◆ Exercise brief
When you find the line with "#13=IFCAXIS2PLACEMENT3D(#12,$,$);" among the records below, reproduce it and each line after it exactly, ending with the line with "#39=IFCINDEXEDPOLYGONALFACE((19,40,42,21));".

####

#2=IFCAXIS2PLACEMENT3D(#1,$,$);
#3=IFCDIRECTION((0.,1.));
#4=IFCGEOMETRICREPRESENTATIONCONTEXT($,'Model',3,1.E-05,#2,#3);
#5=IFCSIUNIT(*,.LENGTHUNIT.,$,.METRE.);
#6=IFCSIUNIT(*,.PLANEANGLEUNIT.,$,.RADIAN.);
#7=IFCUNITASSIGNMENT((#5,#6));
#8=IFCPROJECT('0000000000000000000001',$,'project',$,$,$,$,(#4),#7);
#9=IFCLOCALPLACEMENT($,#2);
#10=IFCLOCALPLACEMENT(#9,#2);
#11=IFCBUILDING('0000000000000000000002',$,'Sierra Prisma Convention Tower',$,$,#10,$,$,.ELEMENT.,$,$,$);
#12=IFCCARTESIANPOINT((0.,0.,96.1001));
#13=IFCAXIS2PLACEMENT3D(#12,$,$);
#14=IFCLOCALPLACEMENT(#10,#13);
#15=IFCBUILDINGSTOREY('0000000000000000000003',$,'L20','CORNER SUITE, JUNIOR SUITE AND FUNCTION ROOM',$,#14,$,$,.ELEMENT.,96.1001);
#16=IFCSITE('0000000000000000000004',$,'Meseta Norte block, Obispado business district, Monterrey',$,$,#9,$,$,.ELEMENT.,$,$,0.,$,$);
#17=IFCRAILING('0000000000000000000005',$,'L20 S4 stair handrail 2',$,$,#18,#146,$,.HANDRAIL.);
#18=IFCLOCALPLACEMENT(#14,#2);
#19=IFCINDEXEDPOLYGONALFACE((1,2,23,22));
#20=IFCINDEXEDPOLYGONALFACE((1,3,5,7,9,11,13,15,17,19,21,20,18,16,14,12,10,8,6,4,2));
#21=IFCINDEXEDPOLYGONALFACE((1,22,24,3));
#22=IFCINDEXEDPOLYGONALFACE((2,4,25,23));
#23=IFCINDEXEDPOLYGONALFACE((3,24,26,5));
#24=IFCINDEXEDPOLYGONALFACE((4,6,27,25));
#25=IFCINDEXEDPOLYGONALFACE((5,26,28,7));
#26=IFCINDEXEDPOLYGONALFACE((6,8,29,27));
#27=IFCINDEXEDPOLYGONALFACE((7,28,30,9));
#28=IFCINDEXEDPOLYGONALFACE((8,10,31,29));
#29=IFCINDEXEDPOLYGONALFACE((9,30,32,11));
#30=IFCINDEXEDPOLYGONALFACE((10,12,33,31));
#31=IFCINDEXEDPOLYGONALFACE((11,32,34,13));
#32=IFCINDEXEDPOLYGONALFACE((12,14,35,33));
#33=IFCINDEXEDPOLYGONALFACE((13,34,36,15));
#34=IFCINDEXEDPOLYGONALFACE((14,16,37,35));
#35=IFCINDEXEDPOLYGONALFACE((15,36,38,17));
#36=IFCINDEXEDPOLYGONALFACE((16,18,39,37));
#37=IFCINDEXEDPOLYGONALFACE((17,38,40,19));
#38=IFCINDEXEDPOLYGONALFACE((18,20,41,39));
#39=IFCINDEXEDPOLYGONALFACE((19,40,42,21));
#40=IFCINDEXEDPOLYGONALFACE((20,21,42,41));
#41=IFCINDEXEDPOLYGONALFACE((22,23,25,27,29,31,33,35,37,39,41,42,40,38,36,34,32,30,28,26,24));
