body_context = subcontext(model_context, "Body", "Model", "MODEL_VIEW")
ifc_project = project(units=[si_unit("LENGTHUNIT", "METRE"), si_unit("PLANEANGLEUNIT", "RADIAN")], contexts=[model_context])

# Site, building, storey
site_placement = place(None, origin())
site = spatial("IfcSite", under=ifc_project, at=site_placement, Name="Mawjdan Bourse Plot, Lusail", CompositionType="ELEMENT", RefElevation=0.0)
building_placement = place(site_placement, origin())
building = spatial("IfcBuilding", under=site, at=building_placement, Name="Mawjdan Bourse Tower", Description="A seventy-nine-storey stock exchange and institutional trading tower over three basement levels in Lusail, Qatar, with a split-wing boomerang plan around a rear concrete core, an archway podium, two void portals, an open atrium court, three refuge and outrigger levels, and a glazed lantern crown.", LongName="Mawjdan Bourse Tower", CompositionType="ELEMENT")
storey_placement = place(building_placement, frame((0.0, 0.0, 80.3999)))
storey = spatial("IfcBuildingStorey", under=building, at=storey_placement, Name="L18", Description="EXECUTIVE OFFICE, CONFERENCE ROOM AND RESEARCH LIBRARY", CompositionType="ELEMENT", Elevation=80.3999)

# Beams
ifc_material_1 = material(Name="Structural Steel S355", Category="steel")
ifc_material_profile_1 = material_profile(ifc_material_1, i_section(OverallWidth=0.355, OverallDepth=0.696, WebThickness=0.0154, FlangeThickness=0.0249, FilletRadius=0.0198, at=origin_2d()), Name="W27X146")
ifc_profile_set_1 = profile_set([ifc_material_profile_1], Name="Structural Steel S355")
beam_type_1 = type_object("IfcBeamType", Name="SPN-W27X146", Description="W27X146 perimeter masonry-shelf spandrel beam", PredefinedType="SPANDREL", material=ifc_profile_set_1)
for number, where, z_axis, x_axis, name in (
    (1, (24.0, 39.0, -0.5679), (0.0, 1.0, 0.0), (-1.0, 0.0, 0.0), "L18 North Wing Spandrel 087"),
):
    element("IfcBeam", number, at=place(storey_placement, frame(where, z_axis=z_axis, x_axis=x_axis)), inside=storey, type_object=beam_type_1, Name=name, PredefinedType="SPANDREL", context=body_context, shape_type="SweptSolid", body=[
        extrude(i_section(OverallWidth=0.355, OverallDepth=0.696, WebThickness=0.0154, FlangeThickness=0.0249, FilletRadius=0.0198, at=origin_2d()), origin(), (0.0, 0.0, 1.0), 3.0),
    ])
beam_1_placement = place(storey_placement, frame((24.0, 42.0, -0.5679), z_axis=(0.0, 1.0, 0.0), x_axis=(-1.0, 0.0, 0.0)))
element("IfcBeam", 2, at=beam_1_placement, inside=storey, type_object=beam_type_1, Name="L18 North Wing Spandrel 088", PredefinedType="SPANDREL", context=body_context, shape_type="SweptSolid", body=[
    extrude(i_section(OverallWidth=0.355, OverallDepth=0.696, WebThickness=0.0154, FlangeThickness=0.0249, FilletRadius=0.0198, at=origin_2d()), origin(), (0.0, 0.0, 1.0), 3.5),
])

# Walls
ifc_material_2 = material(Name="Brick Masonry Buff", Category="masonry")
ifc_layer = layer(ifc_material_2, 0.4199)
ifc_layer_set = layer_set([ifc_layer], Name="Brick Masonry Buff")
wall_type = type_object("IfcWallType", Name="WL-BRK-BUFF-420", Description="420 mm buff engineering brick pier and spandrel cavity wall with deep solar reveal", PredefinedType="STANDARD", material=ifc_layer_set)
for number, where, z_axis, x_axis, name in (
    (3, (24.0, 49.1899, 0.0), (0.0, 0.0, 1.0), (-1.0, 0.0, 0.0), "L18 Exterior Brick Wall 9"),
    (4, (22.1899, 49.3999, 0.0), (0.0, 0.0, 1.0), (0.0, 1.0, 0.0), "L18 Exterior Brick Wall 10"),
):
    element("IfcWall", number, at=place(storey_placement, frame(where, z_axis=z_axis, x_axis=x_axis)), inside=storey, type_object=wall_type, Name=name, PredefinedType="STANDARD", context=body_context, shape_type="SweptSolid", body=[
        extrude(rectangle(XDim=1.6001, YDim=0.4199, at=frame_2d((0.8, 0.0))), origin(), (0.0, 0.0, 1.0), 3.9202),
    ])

####

◆ Written reply
#13=IFCAXIS2PLACEMENT3D(#12,$,$);
#14=IFCLOCALPLACEMENT(#10,#13);
#15=IFCBUILDINGSTOREY('0000000000000000000003',$,'L20','CORNER SUITE, JUNIOR SUITE AND FUNCTION ROOM',$,#14,$,$,.ELEMENT.,96.1001);
#16=IFCSITE('0000000000000000000004',$,'Meseta Norte block, Obispado business district, Monterrey',$,$,#9,$,$,.ELEMENT.,$,$,0.,$,$);
#17=IFCRAILING('0000000000000000000005',$,'L20 S4 stair handrail 2',$,$,#18,#146,$,.HANDRAIL.);
#18=IFCLOCALPLACEMENT(#14,#2);
#19=IFCINDEXEDPOLYGONALFACE((1,2,23,22));
#20=IFCINDEXEDPOLYGONALFACE((1,3,5,7,9,11,13,15,17,19,21,20,18,16,14,12,10,8,6,4,2));
#21=IFCINDEXEDPOLYGONALFACE((1,22,24,3));
#22=IFCINDEXEDPOLYGONALFACE((2,4,25,23));
#23=IFCINDEXEDPOLYGONALFACE((3,24,26,5));
#24=IFCINDEXEDPOLYGONALFACE((4,6,27,25));
#25=IFCINDEXEDPOLYGONALFACE((5,26,28,7));
#26=IFCINDEXEDPOLYGONALFACE((6,8,29,27));
#27=IFCINDEXEDPOLYGONALFACE((7,28,30,9));
#28=IFCINDEXEDPOLYGONALFACE((8,10,31,29));
#29=IFCINDEXEDPOLYGONALFACE((9,30,32,11));
#30=IFCINDEXEDPOLYGONALFACE((10,12,33,31));
#31=IFCINDEXEDPOLYGONALFACE((11,32,34,13));
#32=IFCINDEXEDPOLYGONALFACE((12,14,35,33));
#33=IFCINDEXEDPOLYGONALFACE((13,34,36,15));
#34=IFCINDEXEDPOLYGONALFACE((14,16,37,35));
#35=IFCINDEXEDPOLYGONALFACE((15,36,38,17));
#36=IFCINDEXEDPOLYGONALFACE((16,18,39,37));
#37=IFCINDEXEDPOLYGONALFACE((17,38,40,19));
#38=IFCINDEXEDPOLYGONALFACE((18,20,41,39));
#39=IFCINDEXEDPOLYGONALFACE((19,40,42,21));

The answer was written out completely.